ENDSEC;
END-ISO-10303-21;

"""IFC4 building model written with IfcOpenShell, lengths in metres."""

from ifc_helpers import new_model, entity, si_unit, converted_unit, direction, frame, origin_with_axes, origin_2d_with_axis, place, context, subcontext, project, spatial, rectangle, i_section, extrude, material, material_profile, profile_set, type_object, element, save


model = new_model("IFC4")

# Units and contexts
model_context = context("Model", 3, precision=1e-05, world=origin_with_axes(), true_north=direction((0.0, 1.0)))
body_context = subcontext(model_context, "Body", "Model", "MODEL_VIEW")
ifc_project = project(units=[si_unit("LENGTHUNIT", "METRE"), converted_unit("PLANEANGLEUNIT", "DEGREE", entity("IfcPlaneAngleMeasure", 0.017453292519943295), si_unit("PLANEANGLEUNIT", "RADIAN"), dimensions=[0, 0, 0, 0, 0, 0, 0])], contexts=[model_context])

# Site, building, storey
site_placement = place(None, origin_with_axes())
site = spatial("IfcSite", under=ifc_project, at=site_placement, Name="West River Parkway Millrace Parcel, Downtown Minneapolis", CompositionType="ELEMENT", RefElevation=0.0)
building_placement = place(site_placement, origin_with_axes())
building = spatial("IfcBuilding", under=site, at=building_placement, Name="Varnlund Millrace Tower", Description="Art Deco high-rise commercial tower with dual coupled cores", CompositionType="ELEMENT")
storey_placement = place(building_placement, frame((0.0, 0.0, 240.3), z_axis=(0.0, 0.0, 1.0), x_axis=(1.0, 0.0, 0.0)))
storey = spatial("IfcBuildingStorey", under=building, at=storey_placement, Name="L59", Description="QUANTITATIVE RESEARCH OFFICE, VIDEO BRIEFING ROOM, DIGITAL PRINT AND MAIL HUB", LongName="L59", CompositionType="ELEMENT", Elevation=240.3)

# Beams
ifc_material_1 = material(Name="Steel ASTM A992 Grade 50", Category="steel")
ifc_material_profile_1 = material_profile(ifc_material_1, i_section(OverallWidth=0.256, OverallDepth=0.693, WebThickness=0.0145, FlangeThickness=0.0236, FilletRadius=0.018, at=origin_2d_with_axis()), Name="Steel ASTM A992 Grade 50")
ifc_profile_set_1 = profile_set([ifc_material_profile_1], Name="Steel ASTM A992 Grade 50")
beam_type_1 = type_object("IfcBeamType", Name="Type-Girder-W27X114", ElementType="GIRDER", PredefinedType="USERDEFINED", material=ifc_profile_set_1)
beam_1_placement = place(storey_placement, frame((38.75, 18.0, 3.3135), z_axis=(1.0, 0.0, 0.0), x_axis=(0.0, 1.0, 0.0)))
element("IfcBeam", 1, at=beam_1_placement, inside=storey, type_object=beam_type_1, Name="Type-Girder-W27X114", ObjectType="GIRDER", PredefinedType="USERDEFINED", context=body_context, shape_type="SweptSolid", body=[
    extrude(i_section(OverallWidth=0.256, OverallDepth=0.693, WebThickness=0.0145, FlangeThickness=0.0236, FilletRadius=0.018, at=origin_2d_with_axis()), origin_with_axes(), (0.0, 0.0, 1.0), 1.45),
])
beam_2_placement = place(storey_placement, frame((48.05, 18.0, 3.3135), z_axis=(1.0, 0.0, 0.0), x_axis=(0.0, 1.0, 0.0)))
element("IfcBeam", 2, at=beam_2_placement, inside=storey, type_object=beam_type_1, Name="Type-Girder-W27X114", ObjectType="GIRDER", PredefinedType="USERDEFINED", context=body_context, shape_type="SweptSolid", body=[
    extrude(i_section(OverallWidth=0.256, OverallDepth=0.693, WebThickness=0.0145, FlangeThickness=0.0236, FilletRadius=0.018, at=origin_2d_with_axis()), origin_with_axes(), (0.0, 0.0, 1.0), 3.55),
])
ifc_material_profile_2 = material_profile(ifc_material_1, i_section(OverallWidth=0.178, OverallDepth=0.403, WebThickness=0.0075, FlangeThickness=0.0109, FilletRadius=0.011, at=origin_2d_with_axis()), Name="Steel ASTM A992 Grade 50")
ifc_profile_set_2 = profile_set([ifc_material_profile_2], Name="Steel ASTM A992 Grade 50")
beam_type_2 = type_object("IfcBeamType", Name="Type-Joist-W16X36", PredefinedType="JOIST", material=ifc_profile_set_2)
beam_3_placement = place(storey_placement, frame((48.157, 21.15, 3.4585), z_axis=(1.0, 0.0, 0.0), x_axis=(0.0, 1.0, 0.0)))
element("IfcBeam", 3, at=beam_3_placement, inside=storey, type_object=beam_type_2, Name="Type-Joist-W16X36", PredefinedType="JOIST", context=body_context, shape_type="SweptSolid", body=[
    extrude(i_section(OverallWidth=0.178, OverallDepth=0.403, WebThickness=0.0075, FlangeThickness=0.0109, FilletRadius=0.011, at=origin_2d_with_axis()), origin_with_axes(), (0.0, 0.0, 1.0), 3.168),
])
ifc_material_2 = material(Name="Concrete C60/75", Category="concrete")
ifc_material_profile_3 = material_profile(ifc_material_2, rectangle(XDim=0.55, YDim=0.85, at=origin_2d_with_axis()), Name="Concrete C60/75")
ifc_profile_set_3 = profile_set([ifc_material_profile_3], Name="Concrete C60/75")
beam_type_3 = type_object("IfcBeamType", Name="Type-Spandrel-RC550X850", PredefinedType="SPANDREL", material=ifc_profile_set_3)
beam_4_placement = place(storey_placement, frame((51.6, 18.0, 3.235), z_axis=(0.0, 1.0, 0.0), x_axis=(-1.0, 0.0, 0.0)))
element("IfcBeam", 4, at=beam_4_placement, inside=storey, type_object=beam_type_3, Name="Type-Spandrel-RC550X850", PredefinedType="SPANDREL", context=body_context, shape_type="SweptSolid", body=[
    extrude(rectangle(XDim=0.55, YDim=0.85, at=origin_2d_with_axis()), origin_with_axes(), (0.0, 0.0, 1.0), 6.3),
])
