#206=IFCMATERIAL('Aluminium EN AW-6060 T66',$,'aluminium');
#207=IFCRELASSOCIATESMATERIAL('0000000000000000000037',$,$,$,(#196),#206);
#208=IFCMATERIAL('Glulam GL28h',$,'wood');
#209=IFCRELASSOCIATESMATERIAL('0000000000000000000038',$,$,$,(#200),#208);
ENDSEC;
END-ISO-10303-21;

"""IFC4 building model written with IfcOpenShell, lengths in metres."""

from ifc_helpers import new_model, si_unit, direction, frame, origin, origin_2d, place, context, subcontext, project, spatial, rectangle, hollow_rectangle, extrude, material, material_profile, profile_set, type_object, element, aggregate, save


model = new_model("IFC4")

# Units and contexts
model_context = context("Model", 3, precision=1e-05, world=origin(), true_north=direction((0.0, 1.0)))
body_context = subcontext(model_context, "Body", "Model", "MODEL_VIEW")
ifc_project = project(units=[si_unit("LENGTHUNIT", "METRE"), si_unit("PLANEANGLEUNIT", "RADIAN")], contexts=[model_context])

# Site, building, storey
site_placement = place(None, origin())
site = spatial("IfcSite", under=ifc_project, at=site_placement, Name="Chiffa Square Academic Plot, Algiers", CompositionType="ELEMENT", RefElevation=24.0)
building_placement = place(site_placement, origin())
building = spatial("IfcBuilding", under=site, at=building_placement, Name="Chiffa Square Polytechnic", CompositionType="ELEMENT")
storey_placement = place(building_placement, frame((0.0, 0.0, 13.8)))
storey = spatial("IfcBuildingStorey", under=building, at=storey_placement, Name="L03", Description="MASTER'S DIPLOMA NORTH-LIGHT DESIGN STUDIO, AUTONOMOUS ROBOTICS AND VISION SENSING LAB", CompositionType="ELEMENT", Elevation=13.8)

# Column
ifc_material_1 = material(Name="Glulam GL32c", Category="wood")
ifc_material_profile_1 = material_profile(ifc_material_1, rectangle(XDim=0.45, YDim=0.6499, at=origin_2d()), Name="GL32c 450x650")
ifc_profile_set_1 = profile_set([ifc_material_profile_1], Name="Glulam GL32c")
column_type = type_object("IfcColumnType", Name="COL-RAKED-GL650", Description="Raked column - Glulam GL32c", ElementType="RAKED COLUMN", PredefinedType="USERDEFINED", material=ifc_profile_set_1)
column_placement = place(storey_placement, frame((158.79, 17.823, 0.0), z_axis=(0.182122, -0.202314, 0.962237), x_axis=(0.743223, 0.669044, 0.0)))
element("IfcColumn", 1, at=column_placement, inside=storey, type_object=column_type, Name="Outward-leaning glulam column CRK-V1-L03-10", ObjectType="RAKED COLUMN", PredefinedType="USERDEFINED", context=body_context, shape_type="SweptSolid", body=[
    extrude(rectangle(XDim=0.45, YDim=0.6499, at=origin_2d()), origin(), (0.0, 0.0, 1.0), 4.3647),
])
########################################
[AIM OF THE EXERCISE] Would you copy out each line of the records above where the word "USERDEFINED" occurs?

[OUTPUT FOR THIS TASK]
beam_type_1 = type_object("IfcBeamType", Name="Type-Girder-W27X114", ElementType="GIRDER", PredefinedType="USERDEFINED", material=ifc_profile_set_1)
element("IfcBeam", 1, at=beam_1_placement, inside=storey, type_object=beam_type_1, Name="Type-Girder-W27X114", ObjectType="GIRDER", PredefinedType="USERDEFINED", context=body_context, shape_type="SweptSolid", body=[
element("IfcBeam", 2, at=beam_2_placement, inside=storey, type_object=beam_type_1, Name="Type-Girder-W27X114", ObjectType="GIRDER", PredefinedType="USERDEFINED", context=body_context, shape_type="SweptSolid", body=[
column_type = type_object("IfcColumnType", Name="COL-RAKED-GL650", Description="Raked column - Glulam GL32c", ElementType="RAKED COLUMN", PredefinedType="USERDEFINED", material=ifc_profile_set_1)
element("IfcColumn", 1, at=column_placement, inside=storey, type_object=column_type, Name="Outward-leaning glulam column CRK-V1-L03-10", ObjectType="RAKED COLUMN", PredefinedType="USERDEFINED", context=body_context, shape_type="SweptSolid", body=[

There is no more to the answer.